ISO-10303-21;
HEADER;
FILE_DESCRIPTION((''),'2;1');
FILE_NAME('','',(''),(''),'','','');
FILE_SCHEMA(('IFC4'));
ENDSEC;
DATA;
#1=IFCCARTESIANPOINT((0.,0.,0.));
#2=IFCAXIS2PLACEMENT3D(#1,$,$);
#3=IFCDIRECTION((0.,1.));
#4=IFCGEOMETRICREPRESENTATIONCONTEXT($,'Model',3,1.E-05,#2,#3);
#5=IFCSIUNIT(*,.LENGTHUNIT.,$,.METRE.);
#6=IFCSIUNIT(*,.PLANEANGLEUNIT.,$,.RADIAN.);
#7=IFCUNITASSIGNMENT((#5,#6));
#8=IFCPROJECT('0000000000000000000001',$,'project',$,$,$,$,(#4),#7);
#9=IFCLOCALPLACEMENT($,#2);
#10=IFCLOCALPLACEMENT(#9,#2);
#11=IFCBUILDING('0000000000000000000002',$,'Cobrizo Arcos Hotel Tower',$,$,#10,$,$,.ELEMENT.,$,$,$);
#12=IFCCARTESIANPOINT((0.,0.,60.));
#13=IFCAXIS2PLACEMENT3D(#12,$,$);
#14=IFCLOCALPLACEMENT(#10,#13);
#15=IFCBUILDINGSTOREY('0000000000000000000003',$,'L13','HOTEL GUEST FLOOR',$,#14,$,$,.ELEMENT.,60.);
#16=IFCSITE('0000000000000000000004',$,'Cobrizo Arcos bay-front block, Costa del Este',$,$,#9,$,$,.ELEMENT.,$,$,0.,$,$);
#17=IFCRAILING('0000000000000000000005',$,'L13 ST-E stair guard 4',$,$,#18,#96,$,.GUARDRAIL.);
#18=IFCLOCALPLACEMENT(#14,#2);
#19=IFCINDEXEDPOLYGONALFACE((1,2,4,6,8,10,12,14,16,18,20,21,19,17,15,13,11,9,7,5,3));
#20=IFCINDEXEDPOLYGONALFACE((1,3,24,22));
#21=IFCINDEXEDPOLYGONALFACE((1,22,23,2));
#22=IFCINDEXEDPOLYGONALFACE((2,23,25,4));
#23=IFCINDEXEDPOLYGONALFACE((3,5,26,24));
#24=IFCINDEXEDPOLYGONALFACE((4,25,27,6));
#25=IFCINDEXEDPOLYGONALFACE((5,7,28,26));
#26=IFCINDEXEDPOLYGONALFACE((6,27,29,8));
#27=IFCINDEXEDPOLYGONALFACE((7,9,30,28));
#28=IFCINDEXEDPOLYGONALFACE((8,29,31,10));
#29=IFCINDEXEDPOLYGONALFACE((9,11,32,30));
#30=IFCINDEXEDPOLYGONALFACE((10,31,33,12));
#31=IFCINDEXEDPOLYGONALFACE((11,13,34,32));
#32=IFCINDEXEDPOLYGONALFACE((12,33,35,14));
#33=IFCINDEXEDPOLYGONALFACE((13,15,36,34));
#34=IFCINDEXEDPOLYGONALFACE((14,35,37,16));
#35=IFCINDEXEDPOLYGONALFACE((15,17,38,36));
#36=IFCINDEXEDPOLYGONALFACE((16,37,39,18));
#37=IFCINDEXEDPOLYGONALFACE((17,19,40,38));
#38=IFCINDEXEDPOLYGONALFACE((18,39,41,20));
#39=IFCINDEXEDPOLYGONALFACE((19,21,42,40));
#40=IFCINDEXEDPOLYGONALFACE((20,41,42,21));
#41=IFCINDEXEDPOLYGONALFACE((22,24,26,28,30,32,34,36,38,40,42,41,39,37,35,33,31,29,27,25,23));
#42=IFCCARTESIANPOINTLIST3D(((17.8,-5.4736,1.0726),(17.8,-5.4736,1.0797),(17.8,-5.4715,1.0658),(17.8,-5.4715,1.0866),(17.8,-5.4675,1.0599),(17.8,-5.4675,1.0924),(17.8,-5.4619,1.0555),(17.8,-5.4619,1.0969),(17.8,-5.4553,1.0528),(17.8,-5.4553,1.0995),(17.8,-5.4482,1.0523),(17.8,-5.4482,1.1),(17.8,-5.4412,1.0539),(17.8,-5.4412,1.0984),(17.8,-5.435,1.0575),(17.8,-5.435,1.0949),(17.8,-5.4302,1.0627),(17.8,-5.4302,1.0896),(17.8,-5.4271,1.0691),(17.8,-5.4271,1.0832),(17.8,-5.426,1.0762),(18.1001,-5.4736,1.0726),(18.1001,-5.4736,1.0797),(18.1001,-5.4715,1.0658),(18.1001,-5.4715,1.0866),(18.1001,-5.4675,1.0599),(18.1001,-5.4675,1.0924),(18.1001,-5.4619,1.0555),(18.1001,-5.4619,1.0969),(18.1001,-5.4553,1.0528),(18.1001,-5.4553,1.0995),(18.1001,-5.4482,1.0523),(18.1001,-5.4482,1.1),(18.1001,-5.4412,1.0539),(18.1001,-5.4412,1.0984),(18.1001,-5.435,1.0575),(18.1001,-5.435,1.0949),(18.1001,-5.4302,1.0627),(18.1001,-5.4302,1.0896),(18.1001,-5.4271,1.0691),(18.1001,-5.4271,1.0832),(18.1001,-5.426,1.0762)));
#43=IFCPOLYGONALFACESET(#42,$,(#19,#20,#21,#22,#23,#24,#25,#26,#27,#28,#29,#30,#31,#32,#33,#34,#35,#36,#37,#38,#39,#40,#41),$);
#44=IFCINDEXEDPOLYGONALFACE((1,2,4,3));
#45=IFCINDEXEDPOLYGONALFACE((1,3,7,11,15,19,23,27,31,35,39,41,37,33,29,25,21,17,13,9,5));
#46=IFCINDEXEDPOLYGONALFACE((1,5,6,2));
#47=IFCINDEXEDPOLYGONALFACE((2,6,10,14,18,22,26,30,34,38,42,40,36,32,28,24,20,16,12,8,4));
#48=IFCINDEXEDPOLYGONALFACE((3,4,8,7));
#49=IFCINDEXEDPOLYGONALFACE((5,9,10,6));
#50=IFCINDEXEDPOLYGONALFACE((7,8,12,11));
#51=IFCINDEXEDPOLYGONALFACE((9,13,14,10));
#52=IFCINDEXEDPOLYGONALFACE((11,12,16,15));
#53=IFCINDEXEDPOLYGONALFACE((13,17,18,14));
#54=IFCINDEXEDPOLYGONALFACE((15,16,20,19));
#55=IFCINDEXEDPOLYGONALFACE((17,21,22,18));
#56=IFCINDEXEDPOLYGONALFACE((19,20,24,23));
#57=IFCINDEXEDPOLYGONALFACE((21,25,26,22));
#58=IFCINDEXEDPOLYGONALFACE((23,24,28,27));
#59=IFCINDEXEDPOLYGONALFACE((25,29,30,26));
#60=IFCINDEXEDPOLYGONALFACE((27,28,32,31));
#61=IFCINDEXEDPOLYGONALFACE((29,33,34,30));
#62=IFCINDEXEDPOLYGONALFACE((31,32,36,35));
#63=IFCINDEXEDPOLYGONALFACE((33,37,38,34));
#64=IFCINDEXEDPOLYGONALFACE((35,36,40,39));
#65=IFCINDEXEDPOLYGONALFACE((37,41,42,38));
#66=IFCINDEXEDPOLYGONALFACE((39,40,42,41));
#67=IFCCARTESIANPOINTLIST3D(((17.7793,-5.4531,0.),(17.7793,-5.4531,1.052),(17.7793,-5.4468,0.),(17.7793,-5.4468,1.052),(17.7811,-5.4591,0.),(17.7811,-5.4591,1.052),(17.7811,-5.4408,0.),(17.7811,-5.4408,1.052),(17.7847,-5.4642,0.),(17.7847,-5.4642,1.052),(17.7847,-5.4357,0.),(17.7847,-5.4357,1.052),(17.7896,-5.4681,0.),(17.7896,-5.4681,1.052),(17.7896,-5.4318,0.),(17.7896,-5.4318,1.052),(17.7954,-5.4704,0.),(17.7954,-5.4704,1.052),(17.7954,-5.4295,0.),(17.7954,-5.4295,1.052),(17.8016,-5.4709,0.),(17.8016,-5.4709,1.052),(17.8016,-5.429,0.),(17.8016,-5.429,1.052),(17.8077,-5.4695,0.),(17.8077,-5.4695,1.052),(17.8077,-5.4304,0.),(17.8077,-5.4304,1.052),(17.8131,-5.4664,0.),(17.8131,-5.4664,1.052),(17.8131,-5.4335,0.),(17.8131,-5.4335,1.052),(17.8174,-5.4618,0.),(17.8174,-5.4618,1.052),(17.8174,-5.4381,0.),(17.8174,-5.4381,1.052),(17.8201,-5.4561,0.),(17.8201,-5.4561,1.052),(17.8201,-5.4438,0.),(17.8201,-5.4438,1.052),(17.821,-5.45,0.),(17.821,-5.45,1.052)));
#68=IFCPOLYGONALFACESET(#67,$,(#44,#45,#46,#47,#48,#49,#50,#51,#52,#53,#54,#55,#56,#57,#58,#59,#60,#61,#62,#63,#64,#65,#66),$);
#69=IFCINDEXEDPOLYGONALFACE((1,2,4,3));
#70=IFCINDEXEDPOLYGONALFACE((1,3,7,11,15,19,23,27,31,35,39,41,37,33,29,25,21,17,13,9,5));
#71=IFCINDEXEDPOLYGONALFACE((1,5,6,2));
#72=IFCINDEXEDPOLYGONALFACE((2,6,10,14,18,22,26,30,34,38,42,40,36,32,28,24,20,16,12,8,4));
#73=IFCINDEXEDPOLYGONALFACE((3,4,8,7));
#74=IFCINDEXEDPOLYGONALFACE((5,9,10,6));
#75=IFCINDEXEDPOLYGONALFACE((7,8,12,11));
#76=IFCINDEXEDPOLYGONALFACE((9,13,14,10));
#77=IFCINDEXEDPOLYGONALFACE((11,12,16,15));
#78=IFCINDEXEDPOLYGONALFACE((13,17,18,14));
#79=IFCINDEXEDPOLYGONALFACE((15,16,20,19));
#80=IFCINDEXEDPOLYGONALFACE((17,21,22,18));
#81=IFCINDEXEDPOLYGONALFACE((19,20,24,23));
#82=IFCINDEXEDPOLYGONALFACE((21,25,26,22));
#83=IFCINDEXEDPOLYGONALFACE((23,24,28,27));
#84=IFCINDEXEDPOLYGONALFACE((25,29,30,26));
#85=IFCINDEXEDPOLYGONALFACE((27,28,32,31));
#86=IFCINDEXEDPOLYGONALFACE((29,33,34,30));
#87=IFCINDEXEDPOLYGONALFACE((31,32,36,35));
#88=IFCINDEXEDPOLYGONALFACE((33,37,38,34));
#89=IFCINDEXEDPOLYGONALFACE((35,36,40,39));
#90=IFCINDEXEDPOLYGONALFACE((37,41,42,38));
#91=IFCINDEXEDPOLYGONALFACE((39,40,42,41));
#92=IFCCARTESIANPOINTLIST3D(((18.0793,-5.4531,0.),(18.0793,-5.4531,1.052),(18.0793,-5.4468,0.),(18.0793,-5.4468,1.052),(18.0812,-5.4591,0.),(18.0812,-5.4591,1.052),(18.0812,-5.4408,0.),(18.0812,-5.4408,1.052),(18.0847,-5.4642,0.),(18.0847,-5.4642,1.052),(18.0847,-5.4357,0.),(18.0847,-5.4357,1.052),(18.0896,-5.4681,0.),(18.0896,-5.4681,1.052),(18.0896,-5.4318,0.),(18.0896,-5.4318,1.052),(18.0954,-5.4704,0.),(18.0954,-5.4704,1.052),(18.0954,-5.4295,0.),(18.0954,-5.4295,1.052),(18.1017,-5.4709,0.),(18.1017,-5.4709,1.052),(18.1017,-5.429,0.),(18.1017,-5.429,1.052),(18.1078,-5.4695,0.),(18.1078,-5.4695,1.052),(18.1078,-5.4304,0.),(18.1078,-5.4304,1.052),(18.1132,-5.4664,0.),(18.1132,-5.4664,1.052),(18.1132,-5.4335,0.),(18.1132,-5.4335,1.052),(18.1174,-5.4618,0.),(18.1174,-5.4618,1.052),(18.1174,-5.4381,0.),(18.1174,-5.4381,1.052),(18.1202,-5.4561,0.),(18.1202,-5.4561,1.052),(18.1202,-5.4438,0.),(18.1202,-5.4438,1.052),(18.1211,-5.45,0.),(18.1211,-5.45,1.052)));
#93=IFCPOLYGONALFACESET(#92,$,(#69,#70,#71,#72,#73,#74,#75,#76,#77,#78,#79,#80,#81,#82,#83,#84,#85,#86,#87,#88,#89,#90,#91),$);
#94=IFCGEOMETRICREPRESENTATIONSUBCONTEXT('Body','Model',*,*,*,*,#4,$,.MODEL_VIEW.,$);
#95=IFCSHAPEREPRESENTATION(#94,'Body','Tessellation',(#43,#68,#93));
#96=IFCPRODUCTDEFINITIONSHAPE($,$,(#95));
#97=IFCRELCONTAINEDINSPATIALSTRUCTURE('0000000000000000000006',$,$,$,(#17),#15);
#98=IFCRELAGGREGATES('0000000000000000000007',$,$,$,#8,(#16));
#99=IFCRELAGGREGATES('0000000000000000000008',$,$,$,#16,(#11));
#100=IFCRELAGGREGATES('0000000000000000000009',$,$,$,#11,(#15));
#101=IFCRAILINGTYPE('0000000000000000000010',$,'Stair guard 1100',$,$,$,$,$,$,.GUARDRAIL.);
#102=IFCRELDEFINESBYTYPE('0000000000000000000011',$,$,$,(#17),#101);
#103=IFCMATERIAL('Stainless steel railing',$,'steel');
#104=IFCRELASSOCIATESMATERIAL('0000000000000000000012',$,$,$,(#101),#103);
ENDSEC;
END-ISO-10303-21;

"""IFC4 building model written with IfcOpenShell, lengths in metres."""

from ifc_helpers import new_model, si_unit, direction, frame, origin, origin_2d, place, context, subcontext, project, spatial, circle, extrude, material, type_object, element, save


model = new_model("IFC4")

# Units and contexts
model_context = context("Model", 3, precision=1e-05, world=origin(), true_north=direction((0.0, 1.0)))
body_context = subcontext(model_context, "Body", "Model", "MODEL_VIEW")
ifc_project = project(units=[si_unit("LENGTHUNIT", "METRE"), si_unit("PLANEANGLEUNIT", "RADIAN")], contexts=[model_context])

# Site, building, storey
site_placement = place(None, origin())
site = spatial("IfcSite", under=ifc_project, at=site_placement, Name="Cobrizo Arcos bay-front block, Costa del Este", CompositionType="ELEMENT", RefElevation=0.0)
building_placement = place(site_placement, origin())
building = spatial("IfcBuilding", under=site, at=building_placement, Name="Cobrizo Arcos Hotel Tower", CompositionType="ELEMENT")
storey_placement = place(building_placement, frame((0.0, 0.0, 60.0)))
storey = spatial("IfcBuildingStorey", under=building, at=storey_placement, Name="L13", Description="HOTEL GUEST FLOOR", CompositionType="ELEMENT", Elevation=60.0)

# Railing
ifc_material_1 = material(Name="Stainless steel railing", Category="steel")
railing_type_1 = type_object("IfcRailingType", Name="Stair guard 1100", PredefinedType="GUARDRAIL", material=ifc_material_1)
railing_1_placement = place(storey_placement, frame((17.8, -5.45, 0.0)))
element("IfcRailing", 1, at=railing_1_placement, inside=storey, type_object=railing_type_1, Name="L13 ST-E stair guard 4", PredefinedType="GUARDRAIL", context=body_context, shape_type="SweptSolid", body=[
    extrude(circle(Radius=0.0239, at=origin_2d()), frame((0.0, 0.0, 1.0762), z_axis=(1.0, 0.0, 0.0), x_axis=(0.0, 1.0, 0.0)), (0.0, 0.0, 1.0), 0.3),
    extrude(circle(Radius=0.021, at=origin_2d()), origin(), (0.0, 0.0, 1.0), 1.052),
    extrude(circle(Radius=0.021, at=origin_2d()), frame((0.3, 0.0, 0.0)), (0.0, 0.0, 1.0), 1.052),
])

save(model, "model.ifc")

——

WORK ITEM:
In the entries above, find the line holding "#53=IFCINDEXEDPOLYGONALFACE((13,17,18,14));" and the line holding "#66=IFCINDEXEDPOLYGONALFACE((39,40,42,41));", then retype exactly those two lines and every line between them, and nothing else.

EXERCISE RESULT:
#53=IFCINDEXEDPOLYGONALFACE((13,17,18,14));
#54=IFCINDEXEDPOLYGONALFACE((15,16,20,19));
#55=IFCINDEXEDPOLYGONALFACE((17,21,22,18));
#56=IFCINDEXEDPOLYGONALFACE((19,20,24,23));
#57=IFCINDEXEDPOLYGONALFACE((21,25,26,22));
#58=IFCINDEXEDPOLYGONALFACE((23,24,28,27));
#59=IFCINDEXEDPOLYGONALFACE((25,29,30,26));
#60=IFCINDEXEDPOLYGONALFACE((27,28,32,31));
#61=IFCINDEXEDPOLYGONALFACE((29,33,34,30));
#62=IFCINDEXEDPOLYGONALFACE((31,32,36,35));
#63=IFCINDEXEDPOLYGONALFACE((33,37,38,34));
#64=IFCINDEXEDPOLYGONALFACE((35,36,40,39));
#65=IFCINDEXEDPOLYGONALFACE((37,41,42,38));
#66=IFCINDEXEDPOLYGONALFACE((39,40,42,41));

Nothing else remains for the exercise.